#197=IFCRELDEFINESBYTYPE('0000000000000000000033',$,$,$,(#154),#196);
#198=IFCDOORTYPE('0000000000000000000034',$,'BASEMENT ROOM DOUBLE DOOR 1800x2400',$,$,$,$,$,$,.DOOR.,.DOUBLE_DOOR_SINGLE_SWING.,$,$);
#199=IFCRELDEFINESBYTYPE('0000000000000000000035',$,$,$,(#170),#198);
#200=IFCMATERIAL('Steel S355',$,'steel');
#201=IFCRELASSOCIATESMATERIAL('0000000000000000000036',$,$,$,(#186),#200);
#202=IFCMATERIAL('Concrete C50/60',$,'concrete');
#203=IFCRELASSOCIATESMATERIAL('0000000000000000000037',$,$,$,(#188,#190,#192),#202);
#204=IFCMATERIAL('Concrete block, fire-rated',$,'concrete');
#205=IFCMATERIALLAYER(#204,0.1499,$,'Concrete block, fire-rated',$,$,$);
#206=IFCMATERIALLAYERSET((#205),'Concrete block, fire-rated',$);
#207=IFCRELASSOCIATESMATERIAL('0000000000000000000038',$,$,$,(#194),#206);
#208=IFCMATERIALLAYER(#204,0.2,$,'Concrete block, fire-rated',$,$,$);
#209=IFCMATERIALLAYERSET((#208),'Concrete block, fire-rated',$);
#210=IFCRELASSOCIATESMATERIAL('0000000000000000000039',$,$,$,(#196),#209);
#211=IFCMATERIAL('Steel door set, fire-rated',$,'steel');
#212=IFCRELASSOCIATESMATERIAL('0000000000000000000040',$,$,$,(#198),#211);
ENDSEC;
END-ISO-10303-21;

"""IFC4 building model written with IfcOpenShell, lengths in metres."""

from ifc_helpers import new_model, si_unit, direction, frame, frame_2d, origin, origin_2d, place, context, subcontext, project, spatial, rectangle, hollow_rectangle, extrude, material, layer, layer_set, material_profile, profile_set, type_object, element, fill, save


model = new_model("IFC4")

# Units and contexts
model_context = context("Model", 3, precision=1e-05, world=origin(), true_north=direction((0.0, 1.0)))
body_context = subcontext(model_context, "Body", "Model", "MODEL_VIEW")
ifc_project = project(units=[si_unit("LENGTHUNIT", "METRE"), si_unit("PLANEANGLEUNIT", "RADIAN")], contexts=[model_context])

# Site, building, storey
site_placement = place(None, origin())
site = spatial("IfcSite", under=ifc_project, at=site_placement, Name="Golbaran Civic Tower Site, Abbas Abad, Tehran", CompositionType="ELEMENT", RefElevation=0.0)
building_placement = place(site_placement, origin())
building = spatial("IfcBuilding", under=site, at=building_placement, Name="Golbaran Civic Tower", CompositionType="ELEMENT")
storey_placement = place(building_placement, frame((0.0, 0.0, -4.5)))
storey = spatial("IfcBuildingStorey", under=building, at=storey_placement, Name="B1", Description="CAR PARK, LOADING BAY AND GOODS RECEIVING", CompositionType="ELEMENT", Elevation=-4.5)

_Your objective_: For every line in the data above that holds "spatial", return the line itself.

_Expected answer_:
from ifc_helpers import new_model, si_unit, direction, frame, frame_2d, origin, origin_2d, place, context, subcontext, project, spatial, rectangle, hollow_rectangle, extrude, material, layer, layer_set, material_profile, profile_set, type_object, element, fill, save
site = spatial("IfcSite", under=ifc_project, at=site_placement, Name="Golbaran Civic Tower Site, Abbas Abad, Tehran", CompositionType="ELEMENT", RefElevation=0.0)
building = spatial("IfcBuilding", under=site, at=building_placement, Name="Golbaran Civic Tower", CompositionType="ELEMENT")
storey = spatial("IfcBuildingStorey", under=building, at=storey_placement, Name="B1", Description="CAR PARK, LOADING BAY AND GOODS RECEIVING", CompositionType="ELEMENT", Elevation=-4.5)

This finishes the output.